[Extracted data entries]
######
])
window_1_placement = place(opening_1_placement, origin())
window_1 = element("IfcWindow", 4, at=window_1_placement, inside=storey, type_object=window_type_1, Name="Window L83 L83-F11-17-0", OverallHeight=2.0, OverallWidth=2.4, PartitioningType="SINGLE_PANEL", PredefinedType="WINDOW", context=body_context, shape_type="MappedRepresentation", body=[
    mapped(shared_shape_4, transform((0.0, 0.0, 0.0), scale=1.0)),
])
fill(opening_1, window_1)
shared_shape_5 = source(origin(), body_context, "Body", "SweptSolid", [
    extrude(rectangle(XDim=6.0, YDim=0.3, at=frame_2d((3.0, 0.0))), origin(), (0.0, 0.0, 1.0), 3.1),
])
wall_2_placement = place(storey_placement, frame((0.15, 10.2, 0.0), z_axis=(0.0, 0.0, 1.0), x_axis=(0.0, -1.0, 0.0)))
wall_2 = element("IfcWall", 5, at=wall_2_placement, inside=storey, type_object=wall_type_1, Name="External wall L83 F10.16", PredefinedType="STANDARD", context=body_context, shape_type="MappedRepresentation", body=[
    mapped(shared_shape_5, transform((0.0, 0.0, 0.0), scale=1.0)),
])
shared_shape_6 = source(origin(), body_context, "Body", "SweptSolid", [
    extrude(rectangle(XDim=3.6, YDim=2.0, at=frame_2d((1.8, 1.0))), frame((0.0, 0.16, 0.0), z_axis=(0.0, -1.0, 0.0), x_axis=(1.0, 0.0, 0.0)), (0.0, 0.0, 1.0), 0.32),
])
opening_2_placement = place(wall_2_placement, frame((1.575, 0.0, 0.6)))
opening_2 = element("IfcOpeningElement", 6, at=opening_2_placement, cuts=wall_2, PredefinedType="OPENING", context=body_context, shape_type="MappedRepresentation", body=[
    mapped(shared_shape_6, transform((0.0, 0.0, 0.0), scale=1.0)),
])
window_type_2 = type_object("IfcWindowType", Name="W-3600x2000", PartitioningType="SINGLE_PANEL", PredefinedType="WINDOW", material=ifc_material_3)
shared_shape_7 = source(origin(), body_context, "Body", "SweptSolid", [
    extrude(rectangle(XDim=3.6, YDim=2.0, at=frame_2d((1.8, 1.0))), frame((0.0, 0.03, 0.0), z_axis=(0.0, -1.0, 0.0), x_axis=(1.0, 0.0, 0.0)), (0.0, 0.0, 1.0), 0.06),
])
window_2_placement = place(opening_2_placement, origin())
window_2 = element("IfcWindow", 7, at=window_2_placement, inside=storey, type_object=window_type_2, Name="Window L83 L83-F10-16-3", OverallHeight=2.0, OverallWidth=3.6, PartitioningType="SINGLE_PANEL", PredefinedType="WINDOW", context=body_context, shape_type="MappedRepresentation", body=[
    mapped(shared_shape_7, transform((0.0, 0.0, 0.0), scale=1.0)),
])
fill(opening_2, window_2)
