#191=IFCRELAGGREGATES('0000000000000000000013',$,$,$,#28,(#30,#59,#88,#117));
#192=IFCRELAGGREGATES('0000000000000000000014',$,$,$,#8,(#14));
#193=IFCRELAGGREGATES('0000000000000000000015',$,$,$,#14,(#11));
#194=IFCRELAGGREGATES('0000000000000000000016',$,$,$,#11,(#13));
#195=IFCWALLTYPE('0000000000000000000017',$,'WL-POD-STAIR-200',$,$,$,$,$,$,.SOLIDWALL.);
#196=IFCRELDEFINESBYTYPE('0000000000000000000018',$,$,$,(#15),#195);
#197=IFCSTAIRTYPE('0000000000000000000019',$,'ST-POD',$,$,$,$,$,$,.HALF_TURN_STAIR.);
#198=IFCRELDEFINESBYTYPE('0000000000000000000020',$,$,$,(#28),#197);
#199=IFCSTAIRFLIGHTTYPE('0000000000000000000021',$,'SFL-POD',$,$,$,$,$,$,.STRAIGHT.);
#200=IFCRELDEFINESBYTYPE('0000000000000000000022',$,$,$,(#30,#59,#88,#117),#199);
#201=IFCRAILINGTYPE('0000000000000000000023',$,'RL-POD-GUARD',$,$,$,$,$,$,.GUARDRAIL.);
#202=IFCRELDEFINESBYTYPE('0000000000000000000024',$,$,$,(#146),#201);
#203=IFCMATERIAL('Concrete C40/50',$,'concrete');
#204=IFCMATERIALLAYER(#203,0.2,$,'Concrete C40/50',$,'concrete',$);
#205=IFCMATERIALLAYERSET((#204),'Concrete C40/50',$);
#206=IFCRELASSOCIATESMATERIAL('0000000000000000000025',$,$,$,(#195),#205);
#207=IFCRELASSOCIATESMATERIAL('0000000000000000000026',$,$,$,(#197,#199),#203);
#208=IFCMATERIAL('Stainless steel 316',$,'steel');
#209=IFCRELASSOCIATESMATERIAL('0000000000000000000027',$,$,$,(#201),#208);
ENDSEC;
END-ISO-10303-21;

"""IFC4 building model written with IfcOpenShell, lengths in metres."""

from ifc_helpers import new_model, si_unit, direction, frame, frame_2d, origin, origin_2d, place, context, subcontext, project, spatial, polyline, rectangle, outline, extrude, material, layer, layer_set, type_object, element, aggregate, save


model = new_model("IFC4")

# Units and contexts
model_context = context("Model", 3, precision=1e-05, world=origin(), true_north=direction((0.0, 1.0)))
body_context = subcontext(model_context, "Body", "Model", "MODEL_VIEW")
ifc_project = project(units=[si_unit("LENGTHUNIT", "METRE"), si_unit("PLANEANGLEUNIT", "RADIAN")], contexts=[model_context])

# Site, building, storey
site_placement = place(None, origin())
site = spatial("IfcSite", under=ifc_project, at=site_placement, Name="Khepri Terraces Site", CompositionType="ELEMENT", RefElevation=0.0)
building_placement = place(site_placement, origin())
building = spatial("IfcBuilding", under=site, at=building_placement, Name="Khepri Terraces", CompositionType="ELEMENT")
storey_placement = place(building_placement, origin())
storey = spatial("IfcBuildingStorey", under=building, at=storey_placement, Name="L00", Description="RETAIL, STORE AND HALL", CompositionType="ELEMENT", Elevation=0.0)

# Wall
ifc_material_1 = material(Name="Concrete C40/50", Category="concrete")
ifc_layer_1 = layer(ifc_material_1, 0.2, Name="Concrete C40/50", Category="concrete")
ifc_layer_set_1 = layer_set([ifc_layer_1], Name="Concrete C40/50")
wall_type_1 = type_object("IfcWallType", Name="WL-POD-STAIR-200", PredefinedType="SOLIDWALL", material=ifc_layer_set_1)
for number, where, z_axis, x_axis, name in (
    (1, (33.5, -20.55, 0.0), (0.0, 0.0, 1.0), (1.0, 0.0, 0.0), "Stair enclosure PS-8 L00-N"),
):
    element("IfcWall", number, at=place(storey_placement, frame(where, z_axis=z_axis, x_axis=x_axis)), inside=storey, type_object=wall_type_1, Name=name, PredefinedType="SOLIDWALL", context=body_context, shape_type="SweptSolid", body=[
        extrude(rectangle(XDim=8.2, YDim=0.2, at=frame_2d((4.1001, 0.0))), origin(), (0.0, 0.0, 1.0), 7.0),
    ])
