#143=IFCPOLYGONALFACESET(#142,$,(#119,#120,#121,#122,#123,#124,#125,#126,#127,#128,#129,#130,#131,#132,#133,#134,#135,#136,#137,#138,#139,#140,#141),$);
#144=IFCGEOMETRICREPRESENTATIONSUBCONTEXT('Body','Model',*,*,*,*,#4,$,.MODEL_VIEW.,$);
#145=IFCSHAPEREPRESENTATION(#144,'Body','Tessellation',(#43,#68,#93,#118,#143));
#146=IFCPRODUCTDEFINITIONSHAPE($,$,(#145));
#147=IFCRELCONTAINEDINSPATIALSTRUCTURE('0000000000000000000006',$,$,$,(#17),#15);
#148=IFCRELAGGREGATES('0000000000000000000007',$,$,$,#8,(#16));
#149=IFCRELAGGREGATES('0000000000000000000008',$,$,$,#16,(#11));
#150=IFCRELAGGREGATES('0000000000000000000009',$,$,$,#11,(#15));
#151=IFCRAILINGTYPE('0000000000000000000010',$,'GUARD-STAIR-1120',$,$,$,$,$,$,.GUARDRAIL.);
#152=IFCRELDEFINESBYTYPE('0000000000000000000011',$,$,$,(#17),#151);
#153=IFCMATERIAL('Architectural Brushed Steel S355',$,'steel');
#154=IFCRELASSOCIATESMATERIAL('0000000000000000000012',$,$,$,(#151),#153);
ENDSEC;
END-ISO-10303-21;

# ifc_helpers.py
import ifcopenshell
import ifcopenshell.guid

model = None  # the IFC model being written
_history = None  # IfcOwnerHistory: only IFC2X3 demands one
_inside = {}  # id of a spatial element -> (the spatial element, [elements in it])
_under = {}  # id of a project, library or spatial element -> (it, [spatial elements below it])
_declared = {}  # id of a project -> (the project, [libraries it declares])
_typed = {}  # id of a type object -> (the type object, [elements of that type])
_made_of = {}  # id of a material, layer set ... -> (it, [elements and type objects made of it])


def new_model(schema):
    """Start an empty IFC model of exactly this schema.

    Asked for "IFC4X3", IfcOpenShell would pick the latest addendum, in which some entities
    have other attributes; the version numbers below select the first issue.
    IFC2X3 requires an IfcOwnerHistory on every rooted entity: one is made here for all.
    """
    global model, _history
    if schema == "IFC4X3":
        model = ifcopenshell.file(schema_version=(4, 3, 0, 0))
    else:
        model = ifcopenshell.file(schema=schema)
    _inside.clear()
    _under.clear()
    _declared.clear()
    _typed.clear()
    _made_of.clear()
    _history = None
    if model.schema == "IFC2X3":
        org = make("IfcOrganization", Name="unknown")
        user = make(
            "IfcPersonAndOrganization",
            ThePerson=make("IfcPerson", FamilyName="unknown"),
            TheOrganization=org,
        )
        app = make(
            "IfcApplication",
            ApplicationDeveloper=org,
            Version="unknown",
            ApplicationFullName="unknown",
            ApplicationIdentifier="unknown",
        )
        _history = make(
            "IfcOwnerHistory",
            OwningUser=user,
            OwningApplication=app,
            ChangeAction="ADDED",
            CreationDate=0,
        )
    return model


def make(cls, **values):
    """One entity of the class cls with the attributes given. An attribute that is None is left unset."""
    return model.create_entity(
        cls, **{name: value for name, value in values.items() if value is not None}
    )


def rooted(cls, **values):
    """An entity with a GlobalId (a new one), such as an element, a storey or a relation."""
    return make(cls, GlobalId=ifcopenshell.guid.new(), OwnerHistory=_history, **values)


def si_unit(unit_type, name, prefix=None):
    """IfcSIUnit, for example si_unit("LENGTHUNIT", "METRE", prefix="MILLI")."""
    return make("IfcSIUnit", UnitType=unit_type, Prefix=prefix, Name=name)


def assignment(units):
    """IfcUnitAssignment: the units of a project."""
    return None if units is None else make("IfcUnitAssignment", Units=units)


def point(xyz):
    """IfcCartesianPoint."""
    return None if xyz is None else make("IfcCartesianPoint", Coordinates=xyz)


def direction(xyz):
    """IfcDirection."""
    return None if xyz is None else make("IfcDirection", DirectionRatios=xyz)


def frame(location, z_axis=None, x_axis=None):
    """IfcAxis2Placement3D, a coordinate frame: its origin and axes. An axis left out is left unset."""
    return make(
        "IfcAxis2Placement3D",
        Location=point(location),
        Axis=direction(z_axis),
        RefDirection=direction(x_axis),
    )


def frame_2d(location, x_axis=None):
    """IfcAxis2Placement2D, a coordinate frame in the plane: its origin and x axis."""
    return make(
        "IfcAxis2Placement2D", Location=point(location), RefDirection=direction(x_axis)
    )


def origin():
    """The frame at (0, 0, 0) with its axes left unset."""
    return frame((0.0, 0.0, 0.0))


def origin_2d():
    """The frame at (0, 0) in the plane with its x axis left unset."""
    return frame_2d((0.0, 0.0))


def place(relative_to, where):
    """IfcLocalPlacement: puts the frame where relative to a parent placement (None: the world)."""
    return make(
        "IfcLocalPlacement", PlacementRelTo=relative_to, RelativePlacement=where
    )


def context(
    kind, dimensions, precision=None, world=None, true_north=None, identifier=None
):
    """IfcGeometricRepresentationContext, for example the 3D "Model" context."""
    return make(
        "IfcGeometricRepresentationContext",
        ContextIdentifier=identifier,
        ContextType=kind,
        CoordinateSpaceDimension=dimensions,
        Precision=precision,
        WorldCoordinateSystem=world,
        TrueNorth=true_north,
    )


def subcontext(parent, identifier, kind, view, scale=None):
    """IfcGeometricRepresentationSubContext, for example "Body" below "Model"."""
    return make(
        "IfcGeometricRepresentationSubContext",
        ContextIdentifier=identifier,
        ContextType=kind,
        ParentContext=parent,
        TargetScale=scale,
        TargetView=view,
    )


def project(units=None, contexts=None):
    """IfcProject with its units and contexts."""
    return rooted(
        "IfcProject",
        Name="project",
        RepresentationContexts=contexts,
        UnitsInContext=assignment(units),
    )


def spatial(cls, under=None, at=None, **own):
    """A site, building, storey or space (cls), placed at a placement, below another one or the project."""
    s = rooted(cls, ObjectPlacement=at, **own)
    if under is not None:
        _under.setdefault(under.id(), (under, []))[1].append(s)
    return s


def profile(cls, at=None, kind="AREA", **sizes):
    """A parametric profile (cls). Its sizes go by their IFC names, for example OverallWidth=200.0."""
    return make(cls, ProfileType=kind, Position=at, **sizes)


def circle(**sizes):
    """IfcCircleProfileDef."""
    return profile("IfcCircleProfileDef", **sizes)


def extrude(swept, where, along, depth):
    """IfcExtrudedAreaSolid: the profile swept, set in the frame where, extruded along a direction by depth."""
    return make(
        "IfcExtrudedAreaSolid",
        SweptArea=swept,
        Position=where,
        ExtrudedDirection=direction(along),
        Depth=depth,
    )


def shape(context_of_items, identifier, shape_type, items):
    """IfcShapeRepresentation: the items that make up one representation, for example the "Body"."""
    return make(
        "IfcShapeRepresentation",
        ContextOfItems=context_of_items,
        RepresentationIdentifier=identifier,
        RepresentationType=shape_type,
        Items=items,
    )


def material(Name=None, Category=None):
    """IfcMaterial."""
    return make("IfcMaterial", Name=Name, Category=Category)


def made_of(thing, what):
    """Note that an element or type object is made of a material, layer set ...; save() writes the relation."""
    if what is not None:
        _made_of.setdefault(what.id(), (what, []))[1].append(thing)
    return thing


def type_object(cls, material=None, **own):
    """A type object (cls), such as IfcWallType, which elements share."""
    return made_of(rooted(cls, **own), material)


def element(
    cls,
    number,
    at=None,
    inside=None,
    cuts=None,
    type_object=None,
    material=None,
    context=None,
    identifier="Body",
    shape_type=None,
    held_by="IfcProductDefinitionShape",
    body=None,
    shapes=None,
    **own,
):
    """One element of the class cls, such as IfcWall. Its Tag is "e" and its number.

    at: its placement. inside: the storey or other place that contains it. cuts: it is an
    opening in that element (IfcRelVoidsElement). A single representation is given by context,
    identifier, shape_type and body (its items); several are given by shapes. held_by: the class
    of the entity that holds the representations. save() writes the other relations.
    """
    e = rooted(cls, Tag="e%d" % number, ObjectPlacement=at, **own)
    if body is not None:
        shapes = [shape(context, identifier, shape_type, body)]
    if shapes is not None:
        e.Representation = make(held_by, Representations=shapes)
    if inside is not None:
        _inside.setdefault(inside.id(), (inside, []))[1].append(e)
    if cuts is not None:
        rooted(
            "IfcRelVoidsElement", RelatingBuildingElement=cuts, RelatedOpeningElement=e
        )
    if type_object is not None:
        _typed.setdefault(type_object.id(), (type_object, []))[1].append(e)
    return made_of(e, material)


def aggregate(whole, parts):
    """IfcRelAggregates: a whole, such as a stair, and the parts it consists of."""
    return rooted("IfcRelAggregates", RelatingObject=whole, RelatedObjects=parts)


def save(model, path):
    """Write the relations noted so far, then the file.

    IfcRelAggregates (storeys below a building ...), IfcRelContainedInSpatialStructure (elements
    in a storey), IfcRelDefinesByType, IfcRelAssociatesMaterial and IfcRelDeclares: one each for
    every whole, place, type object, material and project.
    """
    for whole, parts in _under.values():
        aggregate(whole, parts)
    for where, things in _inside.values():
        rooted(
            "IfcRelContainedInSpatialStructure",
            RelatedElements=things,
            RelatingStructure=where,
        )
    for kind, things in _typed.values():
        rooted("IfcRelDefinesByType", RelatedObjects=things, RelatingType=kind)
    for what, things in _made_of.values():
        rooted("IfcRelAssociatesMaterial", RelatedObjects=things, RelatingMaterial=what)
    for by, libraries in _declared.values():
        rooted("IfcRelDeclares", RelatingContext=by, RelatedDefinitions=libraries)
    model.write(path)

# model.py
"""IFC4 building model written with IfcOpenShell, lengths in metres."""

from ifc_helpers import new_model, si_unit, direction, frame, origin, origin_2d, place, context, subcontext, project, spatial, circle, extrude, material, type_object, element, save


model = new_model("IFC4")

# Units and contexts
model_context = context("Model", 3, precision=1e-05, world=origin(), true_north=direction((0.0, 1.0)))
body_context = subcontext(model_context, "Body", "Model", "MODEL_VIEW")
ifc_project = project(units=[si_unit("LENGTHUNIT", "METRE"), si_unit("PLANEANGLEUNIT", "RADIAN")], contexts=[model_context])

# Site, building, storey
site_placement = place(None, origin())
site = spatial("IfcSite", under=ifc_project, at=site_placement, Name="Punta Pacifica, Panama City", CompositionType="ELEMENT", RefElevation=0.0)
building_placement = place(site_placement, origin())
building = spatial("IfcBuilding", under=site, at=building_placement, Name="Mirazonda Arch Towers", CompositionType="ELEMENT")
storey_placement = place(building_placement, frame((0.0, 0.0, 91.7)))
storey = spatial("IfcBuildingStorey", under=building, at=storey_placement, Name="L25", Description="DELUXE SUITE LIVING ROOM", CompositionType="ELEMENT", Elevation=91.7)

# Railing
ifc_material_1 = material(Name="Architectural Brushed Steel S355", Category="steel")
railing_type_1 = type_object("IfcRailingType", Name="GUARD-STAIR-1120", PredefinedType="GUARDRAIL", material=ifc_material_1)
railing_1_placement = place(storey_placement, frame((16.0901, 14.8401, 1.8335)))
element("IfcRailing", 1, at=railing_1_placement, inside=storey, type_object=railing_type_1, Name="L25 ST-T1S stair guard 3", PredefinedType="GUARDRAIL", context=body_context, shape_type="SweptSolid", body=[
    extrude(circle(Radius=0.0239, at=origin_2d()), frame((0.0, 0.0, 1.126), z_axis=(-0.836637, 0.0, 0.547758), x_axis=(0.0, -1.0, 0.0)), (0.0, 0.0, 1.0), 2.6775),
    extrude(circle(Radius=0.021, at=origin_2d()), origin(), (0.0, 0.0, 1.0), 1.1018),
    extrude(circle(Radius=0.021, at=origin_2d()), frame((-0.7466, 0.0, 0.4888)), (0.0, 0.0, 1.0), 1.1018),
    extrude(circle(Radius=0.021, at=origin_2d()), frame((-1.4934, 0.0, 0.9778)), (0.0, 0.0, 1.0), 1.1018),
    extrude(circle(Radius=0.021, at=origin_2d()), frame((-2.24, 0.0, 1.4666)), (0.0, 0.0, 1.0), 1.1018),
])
######
Lines with "writes" in them are what the answer must contain; copy each from the records above.

    """Note that an element or type object is made of a material, layer set ...; save() writes the relation."""
    of the entity that holds the representations. save() writes the other relations.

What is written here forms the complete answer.